### WHAT IS NEEDED
Give, as a bare number, the count of lines below that contain "IFCLOCALPLACEMENT".

### GIVEN RECORDS
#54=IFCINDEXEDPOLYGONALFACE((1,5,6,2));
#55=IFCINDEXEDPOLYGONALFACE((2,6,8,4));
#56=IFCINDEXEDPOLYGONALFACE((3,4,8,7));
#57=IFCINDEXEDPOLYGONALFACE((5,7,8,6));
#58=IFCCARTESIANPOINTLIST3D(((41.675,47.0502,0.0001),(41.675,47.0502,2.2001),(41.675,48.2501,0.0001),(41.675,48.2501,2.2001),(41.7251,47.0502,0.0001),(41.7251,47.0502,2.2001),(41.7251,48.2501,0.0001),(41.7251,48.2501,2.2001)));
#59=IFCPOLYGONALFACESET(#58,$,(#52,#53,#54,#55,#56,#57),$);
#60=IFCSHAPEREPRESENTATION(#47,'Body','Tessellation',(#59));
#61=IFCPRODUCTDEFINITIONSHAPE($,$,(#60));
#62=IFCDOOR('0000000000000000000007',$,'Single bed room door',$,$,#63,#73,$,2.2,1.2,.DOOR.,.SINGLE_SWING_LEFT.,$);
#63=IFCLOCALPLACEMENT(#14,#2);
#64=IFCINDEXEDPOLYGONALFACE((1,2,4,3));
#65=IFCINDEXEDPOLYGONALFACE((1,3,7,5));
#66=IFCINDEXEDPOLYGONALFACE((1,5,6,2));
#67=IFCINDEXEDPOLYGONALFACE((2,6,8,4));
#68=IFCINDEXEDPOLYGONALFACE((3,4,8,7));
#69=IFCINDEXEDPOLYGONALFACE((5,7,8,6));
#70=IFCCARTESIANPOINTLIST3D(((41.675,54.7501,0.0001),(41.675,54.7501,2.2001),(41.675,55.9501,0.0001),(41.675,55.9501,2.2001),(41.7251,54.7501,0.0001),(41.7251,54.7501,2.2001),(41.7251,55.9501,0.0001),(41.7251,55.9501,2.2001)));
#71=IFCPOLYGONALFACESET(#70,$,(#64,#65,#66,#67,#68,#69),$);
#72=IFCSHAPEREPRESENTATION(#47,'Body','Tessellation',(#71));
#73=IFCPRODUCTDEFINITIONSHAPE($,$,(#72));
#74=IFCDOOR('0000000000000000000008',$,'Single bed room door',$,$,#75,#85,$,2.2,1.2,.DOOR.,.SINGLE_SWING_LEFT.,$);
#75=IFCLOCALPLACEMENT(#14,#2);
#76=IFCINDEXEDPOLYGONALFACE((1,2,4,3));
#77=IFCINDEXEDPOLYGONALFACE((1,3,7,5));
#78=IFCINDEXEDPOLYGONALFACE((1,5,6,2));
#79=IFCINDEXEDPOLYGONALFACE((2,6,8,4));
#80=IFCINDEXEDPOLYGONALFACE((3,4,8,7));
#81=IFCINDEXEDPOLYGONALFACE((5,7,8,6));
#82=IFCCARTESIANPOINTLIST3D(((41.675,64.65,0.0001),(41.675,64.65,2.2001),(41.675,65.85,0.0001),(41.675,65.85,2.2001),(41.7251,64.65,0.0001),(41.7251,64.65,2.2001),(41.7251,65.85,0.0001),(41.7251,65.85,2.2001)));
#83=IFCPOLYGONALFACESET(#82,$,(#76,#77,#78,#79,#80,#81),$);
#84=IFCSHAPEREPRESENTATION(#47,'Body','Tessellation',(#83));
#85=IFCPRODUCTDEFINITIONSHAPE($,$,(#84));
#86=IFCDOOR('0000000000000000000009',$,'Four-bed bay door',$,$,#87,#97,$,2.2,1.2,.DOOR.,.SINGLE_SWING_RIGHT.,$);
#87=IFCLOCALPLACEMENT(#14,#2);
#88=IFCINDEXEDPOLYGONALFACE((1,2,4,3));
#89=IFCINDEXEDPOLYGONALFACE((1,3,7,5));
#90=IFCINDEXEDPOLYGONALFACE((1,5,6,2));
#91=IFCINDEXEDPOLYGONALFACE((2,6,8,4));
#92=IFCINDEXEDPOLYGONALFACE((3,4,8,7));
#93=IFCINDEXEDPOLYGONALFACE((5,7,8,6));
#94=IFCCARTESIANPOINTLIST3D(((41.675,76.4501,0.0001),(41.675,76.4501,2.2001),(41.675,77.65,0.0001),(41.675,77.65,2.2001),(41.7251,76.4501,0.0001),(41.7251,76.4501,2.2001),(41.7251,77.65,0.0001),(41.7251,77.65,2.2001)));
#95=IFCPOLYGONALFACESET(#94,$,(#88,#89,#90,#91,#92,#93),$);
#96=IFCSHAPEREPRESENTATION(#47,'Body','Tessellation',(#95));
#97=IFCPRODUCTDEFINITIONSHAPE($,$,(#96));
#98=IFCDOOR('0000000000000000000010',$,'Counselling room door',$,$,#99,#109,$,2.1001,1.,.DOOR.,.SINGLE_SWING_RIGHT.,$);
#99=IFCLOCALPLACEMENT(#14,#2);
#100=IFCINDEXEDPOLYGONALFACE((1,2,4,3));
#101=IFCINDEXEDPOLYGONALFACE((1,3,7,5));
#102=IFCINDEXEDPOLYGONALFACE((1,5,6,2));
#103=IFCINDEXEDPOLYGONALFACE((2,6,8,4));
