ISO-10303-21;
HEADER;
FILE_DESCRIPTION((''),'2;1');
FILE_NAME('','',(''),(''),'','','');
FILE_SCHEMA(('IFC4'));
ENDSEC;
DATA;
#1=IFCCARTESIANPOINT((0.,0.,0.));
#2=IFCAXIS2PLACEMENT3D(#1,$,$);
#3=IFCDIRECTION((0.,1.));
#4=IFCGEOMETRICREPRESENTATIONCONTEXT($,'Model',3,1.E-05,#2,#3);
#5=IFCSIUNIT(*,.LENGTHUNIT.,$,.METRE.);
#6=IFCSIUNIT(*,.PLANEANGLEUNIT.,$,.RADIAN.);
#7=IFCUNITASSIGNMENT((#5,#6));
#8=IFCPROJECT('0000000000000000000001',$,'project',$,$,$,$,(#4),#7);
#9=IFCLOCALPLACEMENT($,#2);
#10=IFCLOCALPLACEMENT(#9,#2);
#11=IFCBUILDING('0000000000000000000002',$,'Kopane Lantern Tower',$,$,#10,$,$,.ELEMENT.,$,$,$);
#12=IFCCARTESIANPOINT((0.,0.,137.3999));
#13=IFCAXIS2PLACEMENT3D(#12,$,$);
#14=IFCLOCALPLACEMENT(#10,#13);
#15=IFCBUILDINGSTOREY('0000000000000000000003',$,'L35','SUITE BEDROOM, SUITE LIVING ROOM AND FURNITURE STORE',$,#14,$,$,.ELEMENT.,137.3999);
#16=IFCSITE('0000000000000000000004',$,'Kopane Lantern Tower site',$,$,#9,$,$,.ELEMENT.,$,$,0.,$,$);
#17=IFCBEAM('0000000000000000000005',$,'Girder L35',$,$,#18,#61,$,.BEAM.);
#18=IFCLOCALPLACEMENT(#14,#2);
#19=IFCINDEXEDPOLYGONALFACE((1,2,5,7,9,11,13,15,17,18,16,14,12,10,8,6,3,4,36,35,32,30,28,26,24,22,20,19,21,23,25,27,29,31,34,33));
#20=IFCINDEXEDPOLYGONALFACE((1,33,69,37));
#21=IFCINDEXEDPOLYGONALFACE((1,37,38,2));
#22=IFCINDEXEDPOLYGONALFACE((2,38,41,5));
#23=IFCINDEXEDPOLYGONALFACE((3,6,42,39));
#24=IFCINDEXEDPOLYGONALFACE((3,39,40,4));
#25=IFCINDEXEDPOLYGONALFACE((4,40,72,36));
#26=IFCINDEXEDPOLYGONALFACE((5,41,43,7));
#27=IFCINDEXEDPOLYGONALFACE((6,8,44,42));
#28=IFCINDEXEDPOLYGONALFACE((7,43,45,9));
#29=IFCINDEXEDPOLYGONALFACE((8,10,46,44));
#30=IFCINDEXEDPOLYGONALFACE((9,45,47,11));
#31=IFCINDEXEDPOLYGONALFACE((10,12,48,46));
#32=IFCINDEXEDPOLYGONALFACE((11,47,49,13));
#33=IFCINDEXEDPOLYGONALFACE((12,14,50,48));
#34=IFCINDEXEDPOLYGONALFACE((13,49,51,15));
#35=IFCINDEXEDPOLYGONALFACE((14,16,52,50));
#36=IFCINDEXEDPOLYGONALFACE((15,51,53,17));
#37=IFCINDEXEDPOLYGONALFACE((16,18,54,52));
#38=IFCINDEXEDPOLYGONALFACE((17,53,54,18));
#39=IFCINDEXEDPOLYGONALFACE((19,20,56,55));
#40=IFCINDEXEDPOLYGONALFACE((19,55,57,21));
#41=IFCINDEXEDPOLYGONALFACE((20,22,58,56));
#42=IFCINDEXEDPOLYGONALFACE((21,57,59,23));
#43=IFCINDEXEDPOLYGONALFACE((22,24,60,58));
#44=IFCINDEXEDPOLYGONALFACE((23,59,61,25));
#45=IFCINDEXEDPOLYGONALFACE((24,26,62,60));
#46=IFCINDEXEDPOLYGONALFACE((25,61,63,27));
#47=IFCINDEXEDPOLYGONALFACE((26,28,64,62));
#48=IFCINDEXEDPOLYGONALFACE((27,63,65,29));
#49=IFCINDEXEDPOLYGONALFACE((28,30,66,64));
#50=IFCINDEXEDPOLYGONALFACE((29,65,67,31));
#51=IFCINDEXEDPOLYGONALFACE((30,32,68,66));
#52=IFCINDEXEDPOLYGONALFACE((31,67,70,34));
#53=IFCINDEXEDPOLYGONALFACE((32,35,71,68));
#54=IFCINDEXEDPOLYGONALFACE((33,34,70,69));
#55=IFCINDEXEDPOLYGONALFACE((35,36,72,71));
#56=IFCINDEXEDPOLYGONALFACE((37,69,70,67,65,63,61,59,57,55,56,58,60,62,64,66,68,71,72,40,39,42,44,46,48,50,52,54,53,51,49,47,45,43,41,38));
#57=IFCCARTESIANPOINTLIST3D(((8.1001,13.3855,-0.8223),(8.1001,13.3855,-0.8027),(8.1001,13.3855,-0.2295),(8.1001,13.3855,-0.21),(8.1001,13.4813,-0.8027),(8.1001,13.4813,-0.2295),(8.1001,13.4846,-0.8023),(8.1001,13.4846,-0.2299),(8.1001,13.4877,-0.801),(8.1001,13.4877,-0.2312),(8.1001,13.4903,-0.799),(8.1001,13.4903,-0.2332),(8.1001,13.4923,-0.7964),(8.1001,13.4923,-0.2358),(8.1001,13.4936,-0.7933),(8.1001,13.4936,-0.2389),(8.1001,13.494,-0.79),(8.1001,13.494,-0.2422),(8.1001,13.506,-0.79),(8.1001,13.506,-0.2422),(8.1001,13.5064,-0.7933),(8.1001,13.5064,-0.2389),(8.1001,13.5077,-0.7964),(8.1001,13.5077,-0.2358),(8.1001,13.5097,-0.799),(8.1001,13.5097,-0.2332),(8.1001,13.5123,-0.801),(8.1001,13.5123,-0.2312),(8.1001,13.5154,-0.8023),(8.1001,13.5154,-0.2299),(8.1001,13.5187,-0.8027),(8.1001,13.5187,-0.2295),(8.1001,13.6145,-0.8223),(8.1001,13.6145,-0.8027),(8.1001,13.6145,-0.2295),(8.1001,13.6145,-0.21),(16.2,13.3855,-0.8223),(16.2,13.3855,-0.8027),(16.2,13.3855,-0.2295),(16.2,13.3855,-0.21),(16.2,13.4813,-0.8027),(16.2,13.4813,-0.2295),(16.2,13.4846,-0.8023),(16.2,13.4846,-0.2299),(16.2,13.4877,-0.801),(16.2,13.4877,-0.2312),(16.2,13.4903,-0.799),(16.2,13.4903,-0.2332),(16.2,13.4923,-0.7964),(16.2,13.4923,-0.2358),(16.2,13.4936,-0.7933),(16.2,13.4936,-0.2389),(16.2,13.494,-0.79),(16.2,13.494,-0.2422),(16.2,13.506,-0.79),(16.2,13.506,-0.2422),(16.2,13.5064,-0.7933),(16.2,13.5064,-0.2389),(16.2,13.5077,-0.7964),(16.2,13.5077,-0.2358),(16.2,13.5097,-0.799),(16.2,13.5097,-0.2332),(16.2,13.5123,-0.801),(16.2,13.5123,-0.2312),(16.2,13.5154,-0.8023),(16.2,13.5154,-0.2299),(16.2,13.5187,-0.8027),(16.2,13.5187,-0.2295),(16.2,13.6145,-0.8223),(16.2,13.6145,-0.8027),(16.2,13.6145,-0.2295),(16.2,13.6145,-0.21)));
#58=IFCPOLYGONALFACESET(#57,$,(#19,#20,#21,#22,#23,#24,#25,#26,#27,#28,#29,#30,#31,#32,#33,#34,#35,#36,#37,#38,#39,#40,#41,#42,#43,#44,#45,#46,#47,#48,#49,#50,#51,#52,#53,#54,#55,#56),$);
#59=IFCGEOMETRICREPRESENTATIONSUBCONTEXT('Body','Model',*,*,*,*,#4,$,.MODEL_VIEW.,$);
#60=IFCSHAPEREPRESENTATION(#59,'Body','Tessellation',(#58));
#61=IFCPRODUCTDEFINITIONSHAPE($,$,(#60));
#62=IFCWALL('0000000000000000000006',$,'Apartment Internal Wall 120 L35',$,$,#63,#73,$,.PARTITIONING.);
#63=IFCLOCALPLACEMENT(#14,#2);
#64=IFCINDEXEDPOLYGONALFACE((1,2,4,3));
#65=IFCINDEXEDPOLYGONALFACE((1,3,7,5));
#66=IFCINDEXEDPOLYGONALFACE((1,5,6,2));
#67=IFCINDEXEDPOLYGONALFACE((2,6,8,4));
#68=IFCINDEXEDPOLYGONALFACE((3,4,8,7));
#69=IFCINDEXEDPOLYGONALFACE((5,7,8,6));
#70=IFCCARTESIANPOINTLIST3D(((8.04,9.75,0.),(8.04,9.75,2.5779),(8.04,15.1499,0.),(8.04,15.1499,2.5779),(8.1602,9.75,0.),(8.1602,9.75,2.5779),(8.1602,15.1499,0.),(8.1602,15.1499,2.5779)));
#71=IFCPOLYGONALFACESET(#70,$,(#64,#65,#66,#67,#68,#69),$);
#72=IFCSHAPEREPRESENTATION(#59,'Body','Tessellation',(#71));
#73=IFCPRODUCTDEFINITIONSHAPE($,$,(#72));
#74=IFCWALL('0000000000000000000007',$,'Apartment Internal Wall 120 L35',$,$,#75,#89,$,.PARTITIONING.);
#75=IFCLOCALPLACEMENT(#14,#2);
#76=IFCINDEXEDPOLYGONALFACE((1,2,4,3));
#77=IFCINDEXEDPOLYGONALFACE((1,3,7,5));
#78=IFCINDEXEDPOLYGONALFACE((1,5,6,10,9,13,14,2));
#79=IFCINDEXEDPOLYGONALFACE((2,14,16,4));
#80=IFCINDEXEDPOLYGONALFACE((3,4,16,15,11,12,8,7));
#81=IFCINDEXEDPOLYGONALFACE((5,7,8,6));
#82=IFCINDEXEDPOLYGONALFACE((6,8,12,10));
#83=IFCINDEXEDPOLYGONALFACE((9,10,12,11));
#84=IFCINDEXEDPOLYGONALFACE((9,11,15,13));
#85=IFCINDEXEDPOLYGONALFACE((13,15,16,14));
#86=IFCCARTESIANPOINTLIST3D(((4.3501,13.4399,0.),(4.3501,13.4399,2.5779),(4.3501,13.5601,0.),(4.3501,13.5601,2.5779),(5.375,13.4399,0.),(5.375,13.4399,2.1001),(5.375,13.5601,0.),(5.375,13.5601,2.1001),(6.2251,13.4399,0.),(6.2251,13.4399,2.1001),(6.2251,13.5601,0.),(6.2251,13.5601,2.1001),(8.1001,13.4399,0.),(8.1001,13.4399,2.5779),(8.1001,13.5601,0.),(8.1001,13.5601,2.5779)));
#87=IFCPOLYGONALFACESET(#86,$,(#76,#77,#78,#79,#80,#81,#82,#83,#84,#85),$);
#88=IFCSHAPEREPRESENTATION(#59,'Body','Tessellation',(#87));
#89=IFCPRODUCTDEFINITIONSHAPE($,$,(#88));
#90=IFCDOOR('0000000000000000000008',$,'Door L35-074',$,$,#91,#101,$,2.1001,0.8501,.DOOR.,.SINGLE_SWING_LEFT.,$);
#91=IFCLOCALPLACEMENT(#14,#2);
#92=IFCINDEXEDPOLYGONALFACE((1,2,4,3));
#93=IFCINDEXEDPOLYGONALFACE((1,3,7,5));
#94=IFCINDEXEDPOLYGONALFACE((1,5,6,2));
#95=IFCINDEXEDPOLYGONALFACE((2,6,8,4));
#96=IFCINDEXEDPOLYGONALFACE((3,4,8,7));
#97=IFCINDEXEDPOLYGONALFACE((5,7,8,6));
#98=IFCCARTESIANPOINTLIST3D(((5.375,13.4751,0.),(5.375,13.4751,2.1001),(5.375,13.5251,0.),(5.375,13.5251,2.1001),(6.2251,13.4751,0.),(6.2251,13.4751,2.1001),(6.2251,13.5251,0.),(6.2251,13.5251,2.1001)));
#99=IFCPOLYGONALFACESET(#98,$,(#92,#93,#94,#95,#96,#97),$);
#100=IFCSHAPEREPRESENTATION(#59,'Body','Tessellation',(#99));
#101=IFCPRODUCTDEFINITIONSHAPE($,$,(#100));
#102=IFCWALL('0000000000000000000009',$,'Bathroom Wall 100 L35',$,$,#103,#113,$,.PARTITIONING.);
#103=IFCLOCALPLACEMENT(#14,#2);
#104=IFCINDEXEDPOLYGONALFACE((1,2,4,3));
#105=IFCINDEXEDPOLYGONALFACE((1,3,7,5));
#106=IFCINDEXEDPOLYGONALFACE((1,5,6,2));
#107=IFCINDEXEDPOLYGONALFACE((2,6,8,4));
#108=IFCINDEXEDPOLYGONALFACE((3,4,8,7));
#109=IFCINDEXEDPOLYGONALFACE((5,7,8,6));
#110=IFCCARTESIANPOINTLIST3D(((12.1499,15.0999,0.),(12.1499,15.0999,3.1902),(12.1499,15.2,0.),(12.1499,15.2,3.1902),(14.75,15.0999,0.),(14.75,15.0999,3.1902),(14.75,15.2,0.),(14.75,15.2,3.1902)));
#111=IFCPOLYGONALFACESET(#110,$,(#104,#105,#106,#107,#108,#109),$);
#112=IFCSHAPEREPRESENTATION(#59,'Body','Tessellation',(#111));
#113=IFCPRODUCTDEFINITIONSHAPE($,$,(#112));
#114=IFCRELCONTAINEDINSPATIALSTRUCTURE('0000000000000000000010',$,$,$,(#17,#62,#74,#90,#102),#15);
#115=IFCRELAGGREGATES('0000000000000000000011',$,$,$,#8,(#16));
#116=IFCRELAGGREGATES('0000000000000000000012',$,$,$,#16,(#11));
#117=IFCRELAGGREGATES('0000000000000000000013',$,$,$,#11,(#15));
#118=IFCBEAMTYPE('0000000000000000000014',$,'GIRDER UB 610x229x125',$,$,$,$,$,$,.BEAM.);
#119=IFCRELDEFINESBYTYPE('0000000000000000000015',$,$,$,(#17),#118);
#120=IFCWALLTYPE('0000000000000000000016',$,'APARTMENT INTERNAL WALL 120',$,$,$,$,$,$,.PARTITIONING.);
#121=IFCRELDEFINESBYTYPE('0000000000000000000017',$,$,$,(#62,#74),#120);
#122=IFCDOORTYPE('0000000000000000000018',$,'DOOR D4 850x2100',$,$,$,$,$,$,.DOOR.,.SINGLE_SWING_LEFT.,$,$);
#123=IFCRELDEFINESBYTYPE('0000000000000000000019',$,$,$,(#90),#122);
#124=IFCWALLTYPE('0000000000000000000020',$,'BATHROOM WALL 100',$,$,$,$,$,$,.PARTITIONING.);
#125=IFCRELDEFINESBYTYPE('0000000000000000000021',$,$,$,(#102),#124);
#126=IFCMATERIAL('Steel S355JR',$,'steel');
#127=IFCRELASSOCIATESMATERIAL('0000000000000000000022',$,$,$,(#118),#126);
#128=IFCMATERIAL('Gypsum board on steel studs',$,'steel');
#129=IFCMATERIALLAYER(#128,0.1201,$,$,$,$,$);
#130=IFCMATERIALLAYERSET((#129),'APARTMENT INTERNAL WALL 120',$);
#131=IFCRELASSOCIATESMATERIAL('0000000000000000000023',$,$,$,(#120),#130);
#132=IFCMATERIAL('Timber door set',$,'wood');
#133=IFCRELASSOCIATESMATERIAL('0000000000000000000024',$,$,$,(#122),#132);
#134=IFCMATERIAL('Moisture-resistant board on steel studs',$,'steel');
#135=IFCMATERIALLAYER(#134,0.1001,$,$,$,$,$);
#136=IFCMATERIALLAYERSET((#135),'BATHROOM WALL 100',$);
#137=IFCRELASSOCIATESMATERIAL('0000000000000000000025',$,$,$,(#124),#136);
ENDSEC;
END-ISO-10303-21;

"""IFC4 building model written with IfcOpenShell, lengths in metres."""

from ifc_helpers import new_model, si_unit, direction, frame, frame_2d, origin, origin_2d, place, context, subcontext, project, spatial, rectangle, i_section, extrude, material, layer, layer_set, material_profile, profile_set, type_object, element, fill, save


model = new_model("IFC4")

# Units and contexts
model_context = context("Model", 3, precision=1e-05, world=origin(), true_north=direction((0.0, 1.0)))
body_context = subcontext(model_context, "Body", "Model", "MODEL_VIEW")
ifc_project = project(units=[si_unit("LENGTHUNIT", "METRE"), si_unit("PLANEANGLEUNIT", "RADIAN")], contexts=[model_context])

# Site, building, storey
site_placement = place(None, origin())
site = spatial("IfcSite", under=ifc_project, at=site_placement, Name="Kopane Lantern Tower site", CompositionType="ELEMENT", RefElevation=0.0)
building_placement = place(site_placement, origin())
building = spatial("IfcBuilding", under=site, at=building_placement, Name="Kopane Lantern Tower", CompositionType="ELEMENT")
storey_placement = place(building_placement, frame((0.0, 0.0, 137.3999)))
storey = spatial("IfcBuildingStorey", under=building, at=storey_placement, Name="L35", Description="SUITE BEDROOM, SUITE LIVING ROOM AND FURNITURE STORE", CompositionType="ELEMENT", Elevation=137.3999)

### OUTPUT
12